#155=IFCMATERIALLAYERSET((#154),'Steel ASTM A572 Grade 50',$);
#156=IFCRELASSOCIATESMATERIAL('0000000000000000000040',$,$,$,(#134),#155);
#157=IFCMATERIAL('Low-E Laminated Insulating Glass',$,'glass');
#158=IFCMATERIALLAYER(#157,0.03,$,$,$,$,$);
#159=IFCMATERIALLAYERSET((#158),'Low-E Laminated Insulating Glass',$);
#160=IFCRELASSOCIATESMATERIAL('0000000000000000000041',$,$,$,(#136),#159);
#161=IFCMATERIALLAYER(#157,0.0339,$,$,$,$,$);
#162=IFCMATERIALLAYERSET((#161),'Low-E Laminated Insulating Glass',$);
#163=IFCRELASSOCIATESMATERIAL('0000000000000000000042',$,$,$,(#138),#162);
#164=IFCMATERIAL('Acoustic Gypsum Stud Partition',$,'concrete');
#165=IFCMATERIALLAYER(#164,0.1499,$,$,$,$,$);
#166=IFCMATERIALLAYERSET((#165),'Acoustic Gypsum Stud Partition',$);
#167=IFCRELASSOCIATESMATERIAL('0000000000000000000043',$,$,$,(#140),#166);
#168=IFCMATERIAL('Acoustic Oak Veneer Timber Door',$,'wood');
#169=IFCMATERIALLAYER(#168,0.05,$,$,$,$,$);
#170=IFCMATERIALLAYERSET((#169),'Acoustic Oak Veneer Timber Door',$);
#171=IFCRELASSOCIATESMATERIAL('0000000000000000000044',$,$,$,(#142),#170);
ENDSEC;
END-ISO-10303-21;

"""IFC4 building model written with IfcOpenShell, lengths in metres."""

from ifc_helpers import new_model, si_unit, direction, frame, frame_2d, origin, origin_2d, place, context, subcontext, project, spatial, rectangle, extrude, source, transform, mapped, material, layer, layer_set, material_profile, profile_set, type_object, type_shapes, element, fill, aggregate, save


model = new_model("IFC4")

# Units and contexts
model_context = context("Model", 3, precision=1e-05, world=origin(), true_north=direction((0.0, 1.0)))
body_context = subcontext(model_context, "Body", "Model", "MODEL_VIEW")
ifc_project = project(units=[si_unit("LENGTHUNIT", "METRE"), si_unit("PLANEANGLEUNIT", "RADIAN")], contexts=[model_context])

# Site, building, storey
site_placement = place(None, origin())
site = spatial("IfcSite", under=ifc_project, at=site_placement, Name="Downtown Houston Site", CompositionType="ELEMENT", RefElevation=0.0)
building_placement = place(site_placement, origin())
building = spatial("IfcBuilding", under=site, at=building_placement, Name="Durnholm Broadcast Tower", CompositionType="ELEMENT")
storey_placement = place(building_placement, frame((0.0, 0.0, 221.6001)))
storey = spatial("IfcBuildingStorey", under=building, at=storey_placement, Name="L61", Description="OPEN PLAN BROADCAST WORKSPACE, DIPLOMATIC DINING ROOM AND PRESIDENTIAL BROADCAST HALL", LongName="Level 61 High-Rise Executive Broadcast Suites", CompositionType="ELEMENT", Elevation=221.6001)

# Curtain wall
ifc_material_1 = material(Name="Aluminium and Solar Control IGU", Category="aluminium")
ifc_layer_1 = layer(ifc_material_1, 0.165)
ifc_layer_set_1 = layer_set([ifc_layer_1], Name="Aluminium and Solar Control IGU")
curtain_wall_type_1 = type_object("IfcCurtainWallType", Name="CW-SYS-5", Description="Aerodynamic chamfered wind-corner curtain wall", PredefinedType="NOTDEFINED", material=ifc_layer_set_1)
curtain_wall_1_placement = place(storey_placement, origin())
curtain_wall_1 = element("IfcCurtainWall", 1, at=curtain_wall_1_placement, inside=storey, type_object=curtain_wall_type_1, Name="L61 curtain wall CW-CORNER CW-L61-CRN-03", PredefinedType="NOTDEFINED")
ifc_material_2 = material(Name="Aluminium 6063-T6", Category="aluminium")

+--

» **Brief**
Out of the data above, return each line where the word "CompositionType" can be found.

» **Response to this task**
site = spatial("IfcSite", under=ifc_project, at=site_placement, Name="Downtown Houston Site", CompositionType="ELEMENT", RefElevation=0.0)
building = spatial("IfcBuilding", under=site, at=building_placement, Name="Durnholm Broadcast Tower", CompositionType="ELEMENT")
storey = spatial("IfcBuildingStorey", under=building, at=storey_placement, Name="L61", Description="OPEN PLAN BROADCAST WORKSPACE, DIPLOMATIC DINING ROOM AND PRESIDENTIAL BROADCAST HALL", LongName="Level 61 High-Rise Executive Broadcast Suites", CompositionType="ELEMENT", Elevation=221.6001)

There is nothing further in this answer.